[Dataset records]

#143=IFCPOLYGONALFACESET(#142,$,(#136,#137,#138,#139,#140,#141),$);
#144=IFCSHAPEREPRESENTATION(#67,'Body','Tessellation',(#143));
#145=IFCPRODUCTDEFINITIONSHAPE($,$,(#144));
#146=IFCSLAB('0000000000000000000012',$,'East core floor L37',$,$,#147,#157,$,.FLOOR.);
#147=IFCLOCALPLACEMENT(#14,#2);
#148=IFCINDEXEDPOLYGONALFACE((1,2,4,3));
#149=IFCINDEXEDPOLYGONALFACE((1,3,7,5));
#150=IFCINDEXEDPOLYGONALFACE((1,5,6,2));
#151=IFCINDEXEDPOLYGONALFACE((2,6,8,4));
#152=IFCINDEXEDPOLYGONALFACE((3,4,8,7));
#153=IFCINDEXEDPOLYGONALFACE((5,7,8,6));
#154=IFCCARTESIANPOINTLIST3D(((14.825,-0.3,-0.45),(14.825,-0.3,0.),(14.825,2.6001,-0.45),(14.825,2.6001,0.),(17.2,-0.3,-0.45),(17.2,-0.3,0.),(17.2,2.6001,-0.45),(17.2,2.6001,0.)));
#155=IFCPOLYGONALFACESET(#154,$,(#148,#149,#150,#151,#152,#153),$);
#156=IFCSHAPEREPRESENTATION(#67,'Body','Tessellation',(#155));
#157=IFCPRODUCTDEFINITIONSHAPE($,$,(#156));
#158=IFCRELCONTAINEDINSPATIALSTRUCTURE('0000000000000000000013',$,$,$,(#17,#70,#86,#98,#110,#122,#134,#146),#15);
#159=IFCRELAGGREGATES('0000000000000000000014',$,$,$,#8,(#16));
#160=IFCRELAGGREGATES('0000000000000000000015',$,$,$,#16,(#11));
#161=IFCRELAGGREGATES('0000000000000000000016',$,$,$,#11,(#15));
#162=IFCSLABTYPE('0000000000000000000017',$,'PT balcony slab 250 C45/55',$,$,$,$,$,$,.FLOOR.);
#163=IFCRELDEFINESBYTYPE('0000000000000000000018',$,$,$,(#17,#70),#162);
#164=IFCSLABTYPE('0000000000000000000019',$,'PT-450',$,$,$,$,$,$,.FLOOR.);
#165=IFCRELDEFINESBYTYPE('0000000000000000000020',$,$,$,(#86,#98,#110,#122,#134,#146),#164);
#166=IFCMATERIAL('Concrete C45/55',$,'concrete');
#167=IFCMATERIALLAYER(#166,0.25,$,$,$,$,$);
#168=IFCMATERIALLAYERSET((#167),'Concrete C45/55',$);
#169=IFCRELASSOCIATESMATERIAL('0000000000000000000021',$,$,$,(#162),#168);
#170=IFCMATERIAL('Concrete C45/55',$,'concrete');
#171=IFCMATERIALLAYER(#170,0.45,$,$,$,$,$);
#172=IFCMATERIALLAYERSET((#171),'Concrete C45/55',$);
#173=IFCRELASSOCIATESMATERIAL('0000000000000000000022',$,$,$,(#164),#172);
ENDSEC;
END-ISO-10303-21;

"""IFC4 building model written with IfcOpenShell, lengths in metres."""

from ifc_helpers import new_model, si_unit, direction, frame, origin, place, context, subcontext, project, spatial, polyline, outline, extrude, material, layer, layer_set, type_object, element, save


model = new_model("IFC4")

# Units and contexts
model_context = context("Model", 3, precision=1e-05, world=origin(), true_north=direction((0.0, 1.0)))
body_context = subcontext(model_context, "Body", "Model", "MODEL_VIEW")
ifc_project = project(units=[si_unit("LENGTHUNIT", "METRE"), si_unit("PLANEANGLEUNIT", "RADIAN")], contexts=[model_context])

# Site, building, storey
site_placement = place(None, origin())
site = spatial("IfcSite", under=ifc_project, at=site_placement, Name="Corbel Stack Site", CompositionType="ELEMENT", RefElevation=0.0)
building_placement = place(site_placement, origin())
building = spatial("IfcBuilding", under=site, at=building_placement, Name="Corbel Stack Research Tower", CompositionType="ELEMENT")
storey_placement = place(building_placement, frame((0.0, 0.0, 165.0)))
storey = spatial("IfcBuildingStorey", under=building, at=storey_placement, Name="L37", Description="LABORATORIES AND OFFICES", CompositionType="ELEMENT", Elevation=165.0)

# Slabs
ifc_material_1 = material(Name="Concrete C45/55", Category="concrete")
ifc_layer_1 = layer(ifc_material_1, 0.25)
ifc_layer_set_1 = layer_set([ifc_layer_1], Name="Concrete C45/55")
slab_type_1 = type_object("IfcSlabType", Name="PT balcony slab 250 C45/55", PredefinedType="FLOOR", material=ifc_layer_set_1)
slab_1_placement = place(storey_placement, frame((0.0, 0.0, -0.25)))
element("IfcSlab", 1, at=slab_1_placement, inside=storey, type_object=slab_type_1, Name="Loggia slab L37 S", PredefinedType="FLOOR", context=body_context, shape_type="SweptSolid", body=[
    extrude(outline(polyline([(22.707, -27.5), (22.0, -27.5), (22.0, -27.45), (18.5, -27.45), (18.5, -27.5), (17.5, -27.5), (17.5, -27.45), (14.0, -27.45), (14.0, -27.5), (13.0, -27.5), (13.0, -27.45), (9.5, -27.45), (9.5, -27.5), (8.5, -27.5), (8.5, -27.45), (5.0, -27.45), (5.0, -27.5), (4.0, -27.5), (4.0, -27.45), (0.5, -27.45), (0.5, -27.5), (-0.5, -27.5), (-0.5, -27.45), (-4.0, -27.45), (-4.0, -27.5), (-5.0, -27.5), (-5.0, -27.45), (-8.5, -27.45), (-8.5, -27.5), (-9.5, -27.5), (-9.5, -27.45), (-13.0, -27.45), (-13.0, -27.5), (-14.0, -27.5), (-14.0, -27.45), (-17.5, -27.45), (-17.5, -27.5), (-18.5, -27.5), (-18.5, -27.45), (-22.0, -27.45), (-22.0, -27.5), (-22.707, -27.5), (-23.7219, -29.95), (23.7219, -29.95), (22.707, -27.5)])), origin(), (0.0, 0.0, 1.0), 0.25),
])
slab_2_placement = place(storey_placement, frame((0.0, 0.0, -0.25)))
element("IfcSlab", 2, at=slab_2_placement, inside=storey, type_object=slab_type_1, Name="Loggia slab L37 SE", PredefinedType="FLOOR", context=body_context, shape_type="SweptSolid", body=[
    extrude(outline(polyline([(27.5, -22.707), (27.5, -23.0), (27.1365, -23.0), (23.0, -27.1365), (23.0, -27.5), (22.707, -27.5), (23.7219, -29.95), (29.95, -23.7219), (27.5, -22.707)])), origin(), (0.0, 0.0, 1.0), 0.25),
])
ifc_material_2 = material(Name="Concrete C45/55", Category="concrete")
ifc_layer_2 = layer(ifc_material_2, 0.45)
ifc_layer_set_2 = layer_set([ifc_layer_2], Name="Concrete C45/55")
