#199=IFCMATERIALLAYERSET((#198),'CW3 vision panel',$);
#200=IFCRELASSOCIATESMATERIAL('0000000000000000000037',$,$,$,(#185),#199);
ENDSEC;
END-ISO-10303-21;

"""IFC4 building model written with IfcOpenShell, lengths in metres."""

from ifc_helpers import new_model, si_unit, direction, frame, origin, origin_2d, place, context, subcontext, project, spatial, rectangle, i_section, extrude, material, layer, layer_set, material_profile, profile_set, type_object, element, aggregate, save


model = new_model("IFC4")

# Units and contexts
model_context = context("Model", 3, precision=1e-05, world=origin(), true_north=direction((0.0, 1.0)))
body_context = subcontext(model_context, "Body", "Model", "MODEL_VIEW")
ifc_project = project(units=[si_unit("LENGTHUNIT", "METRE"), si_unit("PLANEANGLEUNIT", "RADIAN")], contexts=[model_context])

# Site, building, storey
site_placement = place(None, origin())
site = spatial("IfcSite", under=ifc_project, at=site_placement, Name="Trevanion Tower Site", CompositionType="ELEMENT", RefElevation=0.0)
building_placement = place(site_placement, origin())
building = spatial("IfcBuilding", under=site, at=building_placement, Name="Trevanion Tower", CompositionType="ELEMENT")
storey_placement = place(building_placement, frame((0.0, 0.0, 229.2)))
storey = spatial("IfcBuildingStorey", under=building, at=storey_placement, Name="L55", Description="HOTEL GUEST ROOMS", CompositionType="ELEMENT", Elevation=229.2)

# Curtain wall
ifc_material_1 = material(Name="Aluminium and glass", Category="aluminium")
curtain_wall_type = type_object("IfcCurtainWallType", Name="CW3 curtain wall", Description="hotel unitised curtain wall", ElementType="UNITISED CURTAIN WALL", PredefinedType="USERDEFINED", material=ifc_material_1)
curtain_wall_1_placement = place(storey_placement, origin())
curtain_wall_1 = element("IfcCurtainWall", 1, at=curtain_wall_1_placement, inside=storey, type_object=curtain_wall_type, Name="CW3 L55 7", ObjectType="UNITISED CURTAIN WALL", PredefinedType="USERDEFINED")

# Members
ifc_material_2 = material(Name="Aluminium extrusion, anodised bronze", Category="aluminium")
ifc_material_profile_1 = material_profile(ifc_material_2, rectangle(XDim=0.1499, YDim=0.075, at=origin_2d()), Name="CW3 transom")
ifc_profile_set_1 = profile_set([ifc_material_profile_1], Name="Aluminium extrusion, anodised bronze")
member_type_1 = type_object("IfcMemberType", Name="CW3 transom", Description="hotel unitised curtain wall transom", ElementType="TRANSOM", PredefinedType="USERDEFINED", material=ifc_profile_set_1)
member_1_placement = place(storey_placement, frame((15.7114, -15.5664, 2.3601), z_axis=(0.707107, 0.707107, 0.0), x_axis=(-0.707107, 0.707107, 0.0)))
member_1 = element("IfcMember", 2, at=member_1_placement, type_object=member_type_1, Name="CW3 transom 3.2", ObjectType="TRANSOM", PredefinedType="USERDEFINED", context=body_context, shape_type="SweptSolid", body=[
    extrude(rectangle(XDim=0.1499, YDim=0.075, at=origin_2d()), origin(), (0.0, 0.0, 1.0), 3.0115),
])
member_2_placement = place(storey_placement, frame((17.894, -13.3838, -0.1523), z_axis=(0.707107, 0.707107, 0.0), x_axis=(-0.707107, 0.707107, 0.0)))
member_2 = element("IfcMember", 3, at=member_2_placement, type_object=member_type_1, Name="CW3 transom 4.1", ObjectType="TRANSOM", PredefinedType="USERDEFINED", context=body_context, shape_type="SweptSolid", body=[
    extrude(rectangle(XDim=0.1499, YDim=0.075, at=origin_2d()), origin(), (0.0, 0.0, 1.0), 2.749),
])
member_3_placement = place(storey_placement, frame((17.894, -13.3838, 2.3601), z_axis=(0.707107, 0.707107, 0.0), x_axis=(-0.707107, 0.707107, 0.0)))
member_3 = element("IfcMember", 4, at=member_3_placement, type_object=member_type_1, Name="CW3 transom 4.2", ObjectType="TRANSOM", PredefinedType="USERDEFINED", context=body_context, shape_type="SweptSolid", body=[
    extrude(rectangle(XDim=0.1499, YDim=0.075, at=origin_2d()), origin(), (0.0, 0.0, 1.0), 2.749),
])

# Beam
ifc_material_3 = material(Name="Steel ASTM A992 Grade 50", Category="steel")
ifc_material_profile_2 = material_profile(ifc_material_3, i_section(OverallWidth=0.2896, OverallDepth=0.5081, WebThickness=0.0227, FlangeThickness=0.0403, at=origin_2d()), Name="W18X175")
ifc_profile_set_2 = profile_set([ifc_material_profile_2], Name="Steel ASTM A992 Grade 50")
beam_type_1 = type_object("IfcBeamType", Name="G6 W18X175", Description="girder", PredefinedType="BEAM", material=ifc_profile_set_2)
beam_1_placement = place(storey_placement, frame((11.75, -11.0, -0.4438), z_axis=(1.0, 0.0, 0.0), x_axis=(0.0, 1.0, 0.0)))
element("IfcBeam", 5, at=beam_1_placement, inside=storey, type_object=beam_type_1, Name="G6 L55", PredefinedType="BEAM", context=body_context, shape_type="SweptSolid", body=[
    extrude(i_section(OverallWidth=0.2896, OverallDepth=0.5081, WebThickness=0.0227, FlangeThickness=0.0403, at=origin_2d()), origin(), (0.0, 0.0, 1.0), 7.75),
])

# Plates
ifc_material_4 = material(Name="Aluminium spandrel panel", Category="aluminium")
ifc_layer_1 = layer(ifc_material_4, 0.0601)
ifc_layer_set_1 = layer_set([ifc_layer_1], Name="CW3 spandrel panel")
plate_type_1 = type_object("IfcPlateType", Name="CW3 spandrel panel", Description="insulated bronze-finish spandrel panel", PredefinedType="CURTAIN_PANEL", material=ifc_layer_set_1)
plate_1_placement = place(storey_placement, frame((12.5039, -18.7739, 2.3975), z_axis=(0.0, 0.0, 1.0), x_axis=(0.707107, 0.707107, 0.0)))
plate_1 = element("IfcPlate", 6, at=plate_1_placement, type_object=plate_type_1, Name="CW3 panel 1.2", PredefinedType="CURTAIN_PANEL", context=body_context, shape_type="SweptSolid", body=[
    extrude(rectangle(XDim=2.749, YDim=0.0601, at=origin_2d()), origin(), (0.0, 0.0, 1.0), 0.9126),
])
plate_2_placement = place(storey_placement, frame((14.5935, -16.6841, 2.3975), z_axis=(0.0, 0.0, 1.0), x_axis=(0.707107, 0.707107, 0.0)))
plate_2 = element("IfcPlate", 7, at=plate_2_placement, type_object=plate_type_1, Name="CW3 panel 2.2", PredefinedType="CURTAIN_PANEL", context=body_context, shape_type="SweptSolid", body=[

### [Required action]
For the records above, give the number of lines containing the string "direction" and no other words.

### [Result for this task]
4